__Your assignment__. For the word "IfcColumnType", count the lines in the records below that include it and give only that number.

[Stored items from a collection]
━━━━━━━━
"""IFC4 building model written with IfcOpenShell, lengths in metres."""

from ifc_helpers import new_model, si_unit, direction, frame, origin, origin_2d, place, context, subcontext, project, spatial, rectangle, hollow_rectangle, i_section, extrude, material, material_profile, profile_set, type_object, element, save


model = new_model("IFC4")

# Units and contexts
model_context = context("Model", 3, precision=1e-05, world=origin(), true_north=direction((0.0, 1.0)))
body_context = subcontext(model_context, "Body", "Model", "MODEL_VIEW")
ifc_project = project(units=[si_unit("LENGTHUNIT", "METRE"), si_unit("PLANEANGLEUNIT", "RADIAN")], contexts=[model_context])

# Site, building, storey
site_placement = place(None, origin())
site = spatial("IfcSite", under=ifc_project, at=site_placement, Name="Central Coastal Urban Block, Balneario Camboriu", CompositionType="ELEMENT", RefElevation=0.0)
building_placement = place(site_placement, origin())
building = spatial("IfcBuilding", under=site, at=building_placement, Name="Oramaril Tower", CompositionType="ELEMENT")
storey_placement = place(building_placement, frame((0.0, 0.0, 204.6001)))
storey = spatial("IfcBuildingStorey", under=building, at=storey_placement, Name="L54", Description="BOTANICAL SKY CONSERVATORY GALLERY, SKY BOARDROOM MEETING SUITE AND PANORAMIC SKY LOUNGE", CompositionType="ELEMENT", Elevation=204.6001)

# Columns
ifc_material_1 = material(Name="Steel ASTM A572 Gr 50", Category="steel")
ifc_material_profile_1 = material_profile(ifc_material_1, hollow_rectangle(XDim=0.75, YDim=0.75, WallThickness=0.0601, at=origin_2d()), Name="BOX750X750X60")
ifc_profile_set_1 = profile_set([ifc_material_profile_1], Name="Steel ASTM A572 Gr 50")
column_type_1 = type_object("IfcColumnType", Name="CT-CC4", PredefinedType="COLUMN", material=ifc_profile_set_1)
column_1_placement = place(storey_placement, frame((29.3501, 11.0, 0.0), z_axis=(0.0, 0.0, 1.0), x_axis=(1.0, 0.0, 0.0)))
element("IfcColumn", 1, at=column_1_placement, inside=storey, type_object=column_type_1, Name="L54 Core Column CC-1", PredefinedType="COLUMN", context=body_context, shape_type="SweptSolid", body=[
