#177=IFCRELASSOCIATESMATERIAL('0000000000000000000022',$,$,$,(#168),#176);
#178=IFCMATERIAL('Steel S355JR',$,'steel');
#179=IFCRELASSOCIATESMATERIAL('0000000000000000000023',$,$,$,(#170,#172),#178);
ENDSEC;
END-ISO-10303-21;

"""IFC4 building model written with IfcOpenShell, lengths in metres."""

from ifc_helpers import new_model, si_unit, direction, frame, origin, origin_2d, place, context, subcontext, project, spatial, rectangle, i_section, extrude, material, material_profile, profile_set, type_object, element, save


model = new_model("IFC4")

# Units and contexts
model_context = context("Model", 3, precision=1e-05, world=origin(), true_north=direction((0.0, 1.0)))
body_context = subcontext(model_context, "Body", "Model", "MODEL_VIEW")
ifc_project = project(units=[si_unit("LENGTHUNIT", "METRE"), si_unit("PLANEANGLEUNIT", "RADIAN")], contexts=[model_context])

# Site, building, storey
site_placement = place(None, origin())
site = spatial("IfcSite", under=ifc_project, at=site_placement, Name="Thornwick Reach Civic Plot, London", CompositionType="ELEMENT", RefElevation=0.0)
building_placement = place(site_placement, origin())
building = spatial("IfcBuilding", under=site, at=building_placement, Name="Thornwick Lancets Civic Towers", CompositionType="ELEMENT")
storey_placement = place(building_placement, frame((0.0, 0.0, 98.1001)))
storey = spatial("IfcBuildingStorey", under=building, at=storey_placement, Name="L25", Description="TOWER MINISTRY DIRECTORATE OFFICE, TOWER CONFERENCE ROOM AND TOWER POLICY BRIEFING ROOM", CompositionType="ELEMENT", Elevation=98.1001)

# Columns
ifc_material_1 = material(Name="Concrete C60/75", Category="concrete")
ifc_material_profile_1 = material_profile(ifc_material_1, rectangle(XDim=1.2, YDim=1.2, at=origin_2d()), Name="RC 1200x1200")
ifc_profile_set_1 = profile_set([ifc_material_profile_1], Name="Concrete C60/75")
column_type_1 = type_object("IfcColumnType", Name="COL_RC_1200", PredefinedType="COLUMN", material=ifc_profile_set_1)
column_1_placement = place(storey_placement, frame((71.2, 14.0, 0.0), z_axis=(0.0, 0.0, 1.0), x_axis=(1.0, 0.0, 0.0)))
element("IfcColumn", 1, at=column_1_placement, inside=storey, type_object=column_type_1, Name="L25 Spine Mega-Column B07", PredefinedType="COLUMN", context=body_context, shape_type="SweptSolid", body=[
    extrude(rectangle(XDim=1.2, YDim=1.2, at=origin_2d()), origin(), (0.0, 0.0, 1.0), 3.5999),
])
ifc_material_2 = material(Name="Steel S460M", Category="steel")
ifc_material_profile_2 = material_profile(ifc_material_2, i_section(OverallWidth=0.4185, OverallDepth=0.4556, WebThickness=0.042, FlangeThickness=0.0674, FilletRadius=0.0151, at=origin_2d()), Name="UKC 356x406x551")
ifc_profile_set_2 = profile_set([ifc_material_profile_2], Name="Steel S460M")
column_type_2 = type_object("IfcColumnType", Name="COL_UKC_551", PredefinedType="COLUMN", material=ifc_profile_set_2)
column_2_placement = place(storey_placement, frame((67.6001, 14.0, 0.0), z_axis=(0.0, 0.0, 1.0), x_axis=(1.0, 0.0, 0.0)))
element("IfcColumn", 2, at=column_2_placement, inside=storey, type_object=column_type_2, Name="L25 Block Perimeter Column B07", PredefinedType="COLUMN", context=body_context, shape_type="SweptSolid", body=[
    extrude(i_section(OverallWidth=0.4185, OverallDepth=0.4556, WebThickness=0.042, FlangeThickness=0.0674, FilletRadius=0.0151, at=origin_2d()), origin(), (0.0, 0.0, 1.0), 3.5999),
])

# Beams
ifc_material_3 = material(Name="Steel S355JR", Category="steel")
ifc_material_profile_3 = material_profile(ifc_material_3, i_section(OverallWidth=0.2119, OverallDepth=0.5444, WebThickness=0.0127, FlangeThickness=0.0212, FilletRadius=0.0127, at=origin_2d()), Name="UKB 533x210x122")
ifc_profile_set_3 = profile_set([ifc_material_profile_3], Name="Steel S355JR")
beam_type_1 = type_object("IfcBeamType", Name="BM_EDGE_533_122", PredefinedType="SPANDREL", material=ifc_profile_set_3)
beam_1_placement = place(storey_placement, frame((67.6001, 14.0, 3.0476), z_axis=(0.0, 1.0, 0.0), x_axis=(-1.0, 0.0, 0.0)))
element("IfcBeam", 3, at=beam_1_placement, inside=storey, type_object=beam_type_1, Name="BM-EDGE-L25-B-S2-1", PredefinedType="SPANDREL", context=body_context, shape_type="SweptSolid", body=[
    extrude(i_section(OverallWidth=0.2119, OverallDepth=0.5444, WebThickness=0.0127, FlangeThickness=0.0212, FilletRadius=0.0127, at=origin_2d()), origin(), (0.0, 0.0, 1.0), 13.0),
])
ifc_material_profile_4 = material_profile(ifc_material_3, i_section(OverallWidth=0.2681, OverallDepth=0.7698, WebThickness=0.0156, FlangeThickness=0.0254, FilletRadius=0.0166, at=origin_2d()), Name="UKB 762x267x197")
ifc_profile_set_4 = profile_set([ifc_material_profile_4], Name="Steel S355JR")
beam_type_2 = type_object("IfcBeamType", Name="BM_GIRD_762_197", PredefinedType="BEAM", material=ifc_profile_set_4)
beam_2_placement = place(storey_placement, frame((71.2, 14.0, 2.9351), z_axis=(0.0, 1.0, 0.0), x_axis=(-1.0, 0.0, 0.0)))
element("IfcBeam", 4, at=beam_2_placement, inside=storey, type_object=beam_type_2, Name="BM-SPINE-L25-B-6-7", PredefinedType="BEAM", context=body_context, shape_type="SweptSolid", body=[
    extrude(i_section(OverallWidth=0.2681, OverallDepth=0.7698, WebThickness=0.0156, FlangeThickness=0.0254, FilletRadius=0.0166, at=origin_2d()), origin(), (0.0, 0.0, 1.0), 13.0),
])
━━━━━━━━
__Task output__. 3